** TASK DATA follows **

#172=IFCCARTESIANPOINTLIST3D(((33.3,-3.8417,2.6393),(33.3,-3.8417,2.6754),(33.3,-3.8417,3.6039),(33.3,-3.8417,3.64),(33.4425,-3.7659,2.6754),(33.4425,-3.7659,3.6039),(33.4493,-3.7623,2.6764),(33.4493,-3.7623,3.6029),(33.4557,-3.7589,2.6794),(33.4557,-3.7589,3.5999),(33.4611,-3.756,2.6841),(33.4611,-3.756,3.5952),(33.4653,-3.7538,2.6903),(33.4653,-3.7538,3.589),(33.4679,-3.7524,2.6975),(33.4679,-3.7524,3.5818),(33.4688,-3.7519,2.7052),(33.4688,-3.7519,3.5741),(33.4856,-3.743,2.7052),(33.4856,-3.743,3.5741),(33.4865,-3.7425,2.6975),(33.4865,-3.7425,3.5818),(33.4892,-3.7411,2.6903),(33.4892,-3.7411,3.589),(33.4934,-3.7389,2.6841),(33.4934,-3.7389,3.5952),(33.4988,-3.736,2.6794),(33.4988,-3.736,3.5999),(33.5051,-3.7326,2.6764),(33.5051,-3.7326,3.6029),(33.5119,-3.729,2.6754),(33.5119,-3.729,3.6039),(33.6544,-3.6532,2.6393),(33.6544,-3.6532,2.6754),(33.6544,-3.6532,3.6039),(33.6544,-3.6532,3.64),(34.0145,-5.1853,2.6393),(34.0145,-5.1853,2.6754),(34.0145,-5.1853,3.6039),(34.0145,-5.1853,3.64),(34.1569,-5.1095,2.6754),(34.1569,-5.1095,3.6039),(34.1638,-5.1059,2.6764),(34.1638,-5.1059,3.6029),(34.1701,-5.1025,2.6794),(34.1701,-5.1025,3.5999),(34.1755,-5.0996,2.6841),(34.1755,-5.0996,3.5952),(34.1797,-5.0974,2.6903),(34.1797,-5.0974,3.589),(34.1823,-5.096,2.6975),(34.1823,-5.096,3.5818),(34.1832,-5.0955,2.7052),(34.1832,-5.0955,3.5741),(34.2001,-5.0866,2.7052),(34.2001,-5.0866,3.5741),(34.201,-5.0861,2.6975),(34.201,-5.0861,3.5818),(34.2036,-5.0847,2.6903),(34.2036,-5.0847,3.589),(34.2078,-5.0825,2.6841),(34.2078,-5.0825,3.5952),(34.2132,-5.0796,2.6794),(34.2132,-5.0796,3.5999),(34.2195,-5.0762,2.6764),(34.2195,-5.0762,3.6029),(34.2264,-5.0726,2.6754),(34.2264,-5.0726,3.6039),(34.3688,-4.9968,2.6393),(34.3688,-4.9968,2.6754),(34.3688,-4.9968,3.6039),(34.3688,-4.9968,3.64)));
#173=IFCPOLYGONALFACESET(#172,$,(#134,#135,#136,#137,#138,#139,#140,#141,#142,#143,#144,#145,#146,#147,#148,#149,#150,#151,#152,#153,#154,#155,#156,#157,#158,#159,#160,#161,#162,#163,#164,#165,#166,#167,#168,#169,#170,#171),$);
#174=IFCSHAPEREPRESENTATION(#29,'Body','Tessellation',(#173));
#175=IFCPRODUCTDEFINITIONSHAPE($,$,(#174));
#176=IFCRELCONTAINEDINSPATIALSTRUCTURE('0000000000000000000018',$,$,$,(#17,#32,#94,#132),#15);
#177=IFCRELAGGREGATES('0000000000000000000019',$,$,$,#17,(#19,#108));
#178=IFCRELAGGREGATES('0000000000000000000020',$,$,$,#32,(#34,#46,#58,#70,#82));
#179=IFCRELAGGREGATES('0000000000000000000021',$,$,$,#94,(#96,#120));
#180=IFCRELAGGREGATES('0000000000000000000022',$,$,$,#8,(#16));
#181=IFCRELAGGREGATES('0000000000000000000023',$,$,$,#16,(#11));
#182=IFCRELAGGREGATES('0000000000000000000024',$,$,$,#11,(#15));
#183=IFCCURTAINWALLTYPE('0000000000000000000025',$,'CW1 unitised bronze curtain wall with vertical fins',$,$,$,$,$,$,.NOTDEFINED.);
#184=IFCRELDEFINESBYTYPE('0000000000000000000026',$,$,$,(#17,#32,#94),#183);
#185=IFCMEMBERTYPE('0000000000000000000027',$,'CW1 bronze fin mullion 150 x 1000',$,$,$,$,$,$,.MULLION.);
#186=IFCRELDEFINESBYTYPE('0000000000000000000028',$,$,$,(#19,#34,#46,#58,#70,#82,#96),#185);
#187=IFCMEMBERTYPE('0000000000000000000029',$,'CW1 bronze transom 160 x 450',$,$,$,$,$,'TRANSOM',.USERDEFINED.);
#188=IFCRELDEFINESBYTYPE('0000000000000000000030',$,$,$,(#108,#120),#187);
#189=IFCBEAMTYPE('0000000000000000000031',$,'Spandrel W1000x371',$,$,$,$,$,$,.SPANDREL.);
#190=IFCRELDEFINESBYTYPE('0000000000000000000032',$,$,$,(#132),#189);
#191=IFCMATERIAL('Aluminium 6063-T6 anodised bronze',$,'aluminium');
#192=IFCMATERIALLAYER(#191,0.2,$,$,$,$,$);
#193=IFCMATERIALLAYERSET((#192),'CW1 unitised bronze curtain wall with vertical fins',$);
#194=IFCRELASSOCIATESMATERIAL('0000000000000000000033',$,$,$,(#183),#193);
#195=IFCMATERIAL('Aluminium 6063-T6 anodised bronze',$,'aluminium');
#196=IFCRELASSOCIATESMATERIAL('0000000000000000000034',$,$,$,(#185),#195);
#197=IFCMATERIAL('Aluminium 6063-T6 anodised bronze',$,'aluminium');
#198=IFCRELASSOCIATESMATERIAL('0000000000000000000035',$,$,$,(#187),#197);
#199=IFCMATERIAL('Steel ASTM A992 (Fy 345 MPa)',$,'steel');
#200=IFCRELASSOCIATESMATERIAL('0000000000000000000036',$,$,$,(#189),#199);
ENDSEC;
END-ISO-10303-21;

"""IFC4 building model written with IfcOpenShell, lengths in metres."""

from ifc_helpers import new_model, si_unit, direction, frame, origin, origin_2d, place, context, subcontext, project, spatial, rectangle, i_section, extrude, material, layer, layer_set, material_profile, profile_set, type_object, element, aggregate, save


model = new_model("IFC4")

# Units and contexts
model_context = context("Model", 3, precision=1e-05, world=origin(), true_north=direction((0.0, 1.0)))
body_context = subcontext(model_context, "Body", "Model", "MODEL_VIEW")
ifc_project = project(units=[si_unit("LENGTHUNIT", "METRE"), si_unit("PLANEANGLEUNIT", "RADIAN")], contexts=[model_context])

** End of TASK DATA **
** TASK DATA follows **

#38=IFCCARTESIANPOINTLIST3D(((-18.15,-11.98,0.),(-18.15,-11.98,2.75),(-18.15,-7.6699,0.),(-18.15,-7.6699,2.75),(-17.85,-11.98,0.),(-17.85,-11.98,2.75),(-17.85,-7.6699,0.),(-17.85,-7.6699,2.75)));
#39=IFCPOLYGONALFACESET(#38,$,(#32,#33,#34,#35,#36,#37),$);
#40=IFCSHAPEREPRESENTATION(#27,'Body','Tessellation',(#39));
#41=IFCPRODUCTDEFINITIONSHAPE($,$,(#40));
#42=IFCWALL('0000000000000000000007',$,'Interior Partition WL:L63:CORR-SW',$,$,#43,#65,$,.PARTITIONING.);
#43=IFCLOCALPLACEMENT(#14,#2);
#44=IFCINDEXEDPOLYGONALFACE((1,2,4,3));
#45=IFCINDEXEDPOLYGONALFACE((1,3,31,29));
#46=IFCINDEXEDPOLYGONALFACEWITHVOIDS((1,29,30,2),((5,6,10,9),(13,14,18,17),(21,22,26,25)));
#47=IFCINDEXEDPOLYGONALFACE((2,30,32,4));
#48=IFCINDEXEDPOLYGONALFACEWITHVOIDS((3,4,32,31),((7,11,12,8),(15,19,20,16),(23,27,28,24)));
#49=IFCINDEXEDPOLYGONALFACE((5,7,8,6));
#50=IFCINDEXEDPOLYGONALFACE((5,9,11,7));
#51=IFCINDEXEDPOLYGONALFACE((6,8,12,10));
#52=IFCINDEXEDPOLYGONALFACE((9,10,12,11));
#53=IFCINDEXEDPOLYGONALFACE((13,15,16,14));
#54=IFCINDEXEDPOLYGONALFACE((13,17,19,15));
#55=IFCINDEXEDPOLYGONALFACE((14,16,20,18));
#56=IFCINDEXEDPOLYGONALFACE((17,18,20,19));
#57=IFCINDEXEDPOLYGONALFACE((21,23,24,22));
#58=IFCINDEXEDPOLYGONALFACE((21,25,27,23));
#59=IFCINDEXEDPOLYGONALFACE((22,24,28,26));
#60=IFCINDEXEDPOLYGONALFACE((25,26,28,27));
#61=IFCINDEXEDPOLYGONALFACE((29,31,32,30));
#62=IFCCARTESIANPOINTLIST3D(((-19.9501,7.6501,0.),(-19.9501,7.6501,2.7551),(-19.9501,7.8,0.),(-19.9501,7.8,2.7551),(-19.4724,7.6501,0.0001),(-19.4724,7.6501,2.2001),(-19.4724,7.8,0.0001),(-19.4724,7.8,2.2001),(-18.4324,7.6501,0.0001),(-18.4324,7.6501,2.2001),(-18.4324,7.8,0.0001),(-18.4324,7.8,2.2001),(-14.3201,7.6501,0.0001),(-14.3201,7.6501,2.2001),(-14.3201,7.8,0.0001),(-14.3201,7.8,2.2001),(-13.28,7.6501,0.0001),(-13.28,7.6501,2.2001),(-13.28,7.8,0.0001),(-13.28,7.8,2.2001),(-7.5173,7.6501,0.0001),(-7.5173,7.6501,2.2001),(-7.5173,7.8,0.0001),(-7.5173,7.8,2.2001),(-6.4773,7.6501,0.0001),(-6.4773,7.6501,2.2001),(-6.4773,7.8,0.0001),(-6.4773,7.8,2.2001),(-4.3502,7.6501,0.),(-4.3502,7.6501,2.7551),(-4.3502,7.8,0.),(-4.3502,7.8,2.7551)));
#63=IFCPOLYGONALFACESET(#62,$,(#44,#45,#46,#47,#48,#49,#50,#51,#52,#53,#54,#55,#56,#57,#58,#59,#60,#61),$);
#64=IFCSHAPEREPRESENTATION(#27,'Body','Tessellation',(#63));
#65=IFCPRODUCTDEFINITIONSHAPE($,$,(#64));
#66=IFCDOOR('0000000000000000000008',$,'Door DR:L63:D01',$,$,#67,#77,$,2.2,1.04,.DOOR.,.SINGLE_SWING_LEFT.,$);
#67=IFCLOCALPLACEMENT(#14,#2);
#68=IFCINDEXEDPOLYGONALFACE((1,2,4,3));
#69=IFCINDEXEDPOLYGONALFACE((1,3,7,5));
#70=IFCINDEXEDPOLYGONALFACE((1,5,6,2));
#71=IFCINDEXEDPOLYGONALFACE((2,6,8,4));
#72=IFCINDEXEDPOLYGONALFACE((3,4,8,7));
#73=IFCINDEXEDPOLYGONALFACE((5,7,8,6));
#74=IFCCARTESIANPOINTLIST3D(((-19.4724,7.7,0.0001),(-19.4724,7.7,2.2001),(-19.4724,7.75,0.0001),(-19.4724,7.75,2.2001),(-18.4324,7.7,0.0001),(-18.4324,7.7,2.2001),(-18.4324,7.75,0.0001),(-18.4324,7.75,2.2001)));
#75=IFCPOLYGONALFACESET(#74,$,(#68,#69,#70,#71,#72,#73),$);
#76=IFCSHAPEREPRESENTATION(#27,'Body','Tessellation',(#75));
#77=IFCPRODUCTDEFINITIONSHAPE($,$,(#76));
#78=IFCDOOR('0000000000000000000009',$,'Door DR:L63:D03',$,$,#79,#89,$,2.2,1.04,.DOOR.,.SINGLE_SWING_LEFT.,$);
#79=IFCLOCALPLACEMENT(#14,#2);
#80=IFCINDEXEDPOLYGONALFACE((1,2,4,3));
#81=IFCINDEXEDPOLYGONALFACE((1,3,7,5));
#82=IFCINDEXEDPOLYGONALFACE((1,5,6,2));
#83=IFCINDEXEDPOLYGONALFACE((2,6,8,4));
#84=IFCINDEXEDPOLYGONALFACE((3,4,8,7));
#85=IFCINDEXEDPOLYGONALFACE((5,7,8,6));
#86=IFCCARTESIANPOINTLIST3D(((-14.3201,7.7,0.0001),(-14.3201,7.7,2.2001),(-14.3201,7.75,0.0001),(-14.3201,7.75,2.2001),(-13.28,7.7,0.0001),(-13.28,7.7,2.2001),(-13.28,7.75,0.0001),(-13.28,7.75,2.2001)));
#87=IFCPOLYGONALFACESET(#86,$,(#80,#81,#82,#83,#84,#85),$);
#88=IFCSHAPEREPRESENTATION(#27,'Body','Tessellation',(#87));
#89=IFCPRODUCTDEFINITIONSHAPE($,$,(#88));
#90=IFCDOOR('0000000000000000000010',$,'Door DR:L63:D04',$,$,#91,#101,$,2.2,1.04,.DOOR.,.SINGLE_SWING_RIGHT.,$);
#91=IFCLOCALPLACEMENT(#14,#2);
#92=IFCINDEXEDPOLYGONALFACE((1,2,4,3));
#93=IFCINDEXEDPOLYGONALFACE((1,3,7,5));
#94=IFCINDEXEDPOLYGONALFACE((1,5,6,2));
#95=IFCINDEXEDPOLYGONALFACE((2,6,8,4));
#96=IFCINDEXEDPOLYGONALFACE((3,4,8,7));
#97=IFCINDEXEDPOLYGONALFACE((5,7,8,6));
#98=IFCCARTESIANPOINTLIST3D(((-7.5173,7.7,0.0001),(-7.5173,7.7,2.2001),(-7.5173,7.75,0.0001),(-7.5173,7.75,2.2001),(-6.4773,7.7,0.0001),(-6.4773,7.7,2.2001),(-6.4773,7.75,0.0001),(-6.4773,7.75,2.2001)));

** End of TASK DATA **
** TASK DATA follows **

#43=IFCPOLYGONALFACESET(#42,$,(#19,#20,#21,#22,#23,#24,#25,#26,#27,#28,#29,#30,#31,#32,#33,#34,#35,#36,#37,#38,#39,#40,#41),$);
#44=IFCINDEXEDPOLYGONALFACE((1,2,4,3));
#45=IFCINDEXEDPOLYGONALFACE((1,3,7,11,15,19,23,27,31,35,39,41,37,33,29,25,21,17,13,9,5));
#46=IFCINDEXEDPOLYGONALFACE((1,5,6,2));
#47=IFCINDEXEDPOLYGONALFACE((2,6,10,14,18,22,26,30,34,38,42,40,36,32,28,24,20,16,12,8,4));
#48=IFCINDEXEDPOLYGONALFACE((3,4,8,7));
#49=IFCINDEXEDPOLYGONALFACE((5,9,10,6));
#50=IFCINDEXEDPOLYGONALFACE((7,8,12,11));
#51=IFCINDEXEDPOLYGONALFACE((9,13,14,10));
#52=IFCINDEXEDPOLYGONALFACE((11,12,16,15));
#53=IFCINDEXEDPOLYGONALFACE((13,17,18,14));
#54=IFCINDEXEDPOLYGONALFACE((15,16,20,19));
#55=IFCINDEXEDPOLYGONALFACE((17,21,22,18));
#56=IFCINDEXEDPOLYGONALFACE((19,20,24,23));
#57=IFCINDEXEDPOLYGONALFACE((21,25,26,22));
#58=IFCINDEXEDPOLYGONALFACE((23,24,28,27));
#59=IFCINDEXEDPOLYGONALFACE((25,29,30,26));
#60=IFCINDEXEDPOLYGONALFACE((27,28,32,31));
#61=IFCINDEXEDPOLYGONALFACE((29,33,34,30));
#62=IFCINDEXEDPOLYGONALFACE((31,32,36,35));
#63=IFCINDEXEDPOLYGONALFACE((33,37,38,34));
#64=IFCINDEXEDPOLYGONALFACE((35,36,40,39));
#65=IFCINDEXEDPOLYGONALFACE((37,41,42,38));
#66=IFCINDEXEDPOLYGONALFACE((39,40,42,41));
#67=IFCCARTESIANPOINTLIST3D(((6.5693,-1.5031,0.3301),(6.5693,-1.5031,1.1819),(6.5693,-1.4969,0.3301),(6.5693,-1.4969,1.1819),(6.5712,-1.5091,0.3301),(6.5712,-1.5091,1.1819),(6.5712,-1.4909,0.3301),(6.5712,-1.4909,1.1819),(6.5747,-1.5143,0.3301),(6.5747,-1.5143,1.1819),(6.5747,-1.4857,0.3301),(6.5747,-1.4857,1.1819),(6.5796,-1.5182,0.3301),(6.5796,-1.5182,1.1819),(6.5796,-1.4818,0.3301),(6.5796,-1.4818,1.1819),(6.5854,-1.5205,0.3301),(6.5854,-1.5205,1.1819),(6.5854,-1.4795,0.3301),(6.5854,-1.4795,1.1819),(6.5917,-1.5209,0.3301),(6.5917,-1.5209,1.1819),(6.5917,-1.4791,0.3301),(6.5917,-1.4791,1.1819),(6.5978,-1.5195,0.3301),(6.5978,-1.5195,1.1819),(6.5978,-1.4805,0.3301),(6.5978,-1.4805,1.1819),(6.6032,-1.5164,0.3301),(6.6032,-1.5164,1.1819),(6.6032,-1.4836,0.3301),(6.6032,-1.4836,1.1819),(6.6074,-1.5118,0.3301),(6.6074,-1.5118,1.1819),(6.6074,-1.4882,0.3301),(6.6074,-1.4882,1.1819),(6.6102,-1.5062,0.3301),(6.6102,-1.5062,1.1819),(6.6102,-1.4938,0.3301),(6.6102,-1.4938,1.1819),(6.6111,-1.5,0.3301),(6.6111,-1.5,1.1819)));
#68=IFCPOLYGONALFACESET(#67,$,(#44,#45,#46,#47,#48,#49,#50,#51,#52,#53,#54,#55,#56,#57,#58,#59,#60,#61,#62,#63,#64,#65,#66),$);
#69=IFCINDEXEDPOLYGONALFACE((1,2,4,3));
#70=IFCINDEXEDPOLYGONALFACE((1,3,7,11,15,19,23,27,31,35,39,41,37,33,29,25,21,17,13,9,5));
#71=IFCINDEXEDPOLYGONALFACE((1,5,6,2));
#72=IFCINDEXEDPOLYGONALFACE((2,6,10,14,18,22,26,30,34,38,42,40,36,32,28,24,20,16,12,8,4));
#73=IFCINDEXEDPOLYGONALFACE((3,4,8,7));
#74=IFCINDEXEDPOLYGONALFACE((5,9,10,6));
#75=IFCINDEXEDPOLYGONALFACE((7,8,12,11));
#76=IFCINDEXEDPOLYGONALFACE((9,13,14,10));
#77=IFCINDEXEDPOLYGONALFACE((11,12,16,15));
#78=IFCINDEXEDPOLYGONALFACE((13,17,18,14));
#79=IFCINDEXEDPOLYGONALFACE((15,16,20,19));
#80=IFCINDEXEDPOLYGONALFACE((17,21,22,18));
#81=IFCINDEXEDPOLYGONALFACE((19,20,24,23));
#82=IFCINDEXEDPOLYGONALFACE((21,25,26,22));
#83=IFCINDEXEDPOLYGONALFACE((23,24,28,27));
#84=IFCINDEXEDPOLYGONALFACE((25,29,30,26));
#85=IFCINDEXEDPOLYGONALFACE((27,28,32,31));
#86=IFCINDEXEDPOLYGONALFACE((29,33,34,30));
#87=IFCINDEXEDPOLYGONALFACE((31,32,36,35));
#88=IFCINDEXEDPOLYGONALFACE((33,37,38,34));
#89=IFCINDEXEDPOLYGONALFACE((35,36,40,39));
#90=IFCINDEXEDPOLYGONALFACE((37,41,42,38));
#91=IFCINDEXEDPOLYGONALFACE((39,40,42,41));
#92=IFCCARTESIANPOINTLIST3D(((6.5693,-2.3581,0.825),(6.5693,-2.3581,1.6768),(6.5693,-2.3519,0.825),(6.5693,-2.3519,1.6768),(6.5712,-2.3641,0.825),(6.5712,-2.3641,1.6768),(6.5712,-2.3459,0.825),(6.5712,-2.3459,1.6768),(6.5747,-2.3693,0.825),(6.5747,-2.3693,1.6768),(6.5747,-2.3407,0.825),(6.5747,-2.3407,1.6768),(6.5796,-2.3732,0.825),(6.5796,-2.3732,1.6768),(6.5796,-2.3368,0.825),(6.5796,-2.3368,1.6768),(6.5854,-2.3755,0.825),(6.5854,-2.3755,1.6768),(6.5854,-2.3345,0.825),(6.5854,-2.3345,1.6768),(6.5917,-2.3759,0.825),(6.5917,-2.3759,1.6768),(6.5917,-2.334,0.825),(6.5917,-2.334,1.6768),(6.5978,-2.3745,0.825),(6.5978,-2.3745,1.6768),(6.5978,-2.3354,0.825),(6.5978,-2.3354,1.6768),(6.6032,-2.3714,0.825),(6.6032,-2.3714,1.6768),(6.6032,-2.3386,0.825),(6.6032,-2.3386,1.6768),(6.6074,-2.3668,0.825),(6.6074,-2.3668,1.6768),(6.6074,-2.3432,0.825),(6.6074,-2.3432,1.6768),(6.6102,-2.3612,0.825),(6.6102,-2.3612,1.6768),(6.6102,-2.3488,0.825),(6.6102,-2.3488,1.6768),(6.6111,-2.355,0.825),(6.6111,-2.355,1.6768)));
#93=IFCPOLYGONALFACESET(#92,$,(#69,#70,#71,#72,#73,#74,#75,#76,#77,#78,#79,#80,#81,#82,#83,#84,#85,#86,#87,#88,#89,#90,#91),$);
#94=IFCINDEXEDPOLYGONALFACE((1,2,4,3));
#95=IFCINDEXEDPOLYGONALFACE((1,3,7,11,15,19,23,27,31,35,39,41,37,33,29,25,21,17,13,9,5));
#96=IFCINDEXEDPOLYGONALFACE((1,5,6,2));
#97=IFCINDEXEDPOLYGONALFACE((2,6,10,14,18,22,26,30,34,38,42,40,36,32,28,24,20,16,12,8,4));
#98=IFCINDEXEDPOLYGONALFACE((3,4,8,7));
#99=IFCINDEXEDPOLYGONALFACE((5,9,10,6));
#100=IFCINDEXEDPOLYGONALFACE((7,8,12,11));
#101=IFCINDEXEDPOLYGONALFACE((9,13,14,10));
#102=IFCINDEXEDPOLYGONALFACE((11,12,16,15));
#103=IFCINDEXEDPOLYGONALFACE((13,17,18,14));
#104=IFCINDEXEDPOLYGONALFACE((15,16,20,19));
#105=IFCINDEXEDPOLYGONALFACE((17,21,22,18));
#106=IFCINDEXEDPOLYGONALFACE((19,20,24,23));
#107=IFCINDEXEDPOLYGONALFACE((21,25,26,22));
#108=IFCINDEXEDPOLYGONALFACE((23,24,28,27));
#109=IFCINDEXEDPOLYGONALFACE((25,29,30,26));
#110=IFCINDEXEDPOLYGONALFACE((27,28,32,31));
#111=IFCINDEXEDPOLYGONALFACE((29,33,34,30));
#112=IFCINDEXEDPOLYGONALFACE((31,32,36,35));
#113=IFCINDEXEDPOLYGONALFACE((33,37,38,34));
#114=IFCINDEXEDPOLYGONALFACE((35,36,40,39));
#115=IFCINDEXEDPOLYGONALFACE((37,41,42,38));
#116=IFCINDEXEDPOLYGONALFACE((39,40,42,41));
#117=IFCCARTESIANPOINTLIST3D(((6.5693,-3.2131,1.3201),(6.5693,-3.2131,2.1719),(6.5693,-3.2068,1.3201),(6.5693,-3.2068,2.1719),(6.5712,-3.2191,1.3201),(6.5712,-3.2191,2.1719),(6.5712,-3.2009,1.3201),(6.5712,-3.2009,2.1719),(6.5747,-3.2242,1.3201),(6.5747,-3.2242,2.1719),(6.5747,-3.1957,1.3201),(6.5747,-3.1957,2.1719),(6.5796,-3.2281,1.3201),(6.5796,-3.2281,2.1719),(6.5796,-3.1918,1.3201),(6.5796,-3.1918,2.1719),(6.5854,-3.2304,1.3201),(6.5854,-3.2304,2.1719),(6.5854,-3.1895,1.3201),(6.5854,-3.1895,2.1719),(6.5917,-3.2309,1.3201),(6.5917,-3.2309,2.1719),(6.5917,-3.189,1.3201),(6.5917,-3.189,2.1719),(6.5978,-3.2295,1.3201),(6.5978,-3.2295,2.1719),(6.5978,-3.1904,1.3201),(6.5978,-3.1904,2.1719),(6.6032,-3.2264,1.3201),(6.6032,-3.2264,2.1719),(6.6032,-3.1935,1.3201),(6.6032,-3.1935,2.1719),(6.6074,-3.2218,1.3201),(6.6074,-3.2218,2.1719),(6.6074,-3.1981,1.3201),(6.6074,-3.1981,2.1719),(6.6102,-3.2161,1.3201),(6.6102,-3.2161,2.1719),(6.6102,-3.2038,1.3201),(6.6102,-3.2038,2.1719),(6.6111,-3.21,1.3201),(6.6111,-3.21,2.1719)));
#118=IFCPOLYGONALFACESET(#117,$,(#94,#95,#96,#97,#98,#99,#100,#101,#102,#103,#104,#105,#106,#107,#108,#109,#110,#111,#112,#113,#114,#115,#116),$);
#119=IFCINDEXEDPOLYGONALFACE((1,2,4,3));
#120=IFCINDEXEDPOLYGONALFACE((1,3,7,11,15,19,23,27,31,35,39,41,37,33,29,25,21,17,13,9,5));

** End of TASK DATA **

== ABOUT THIS EXERCISE ==
Of all the lines in the data, count those that contain "direction" and give that figure with nothing else.

== RESULT OF THE EXERCISE ==
2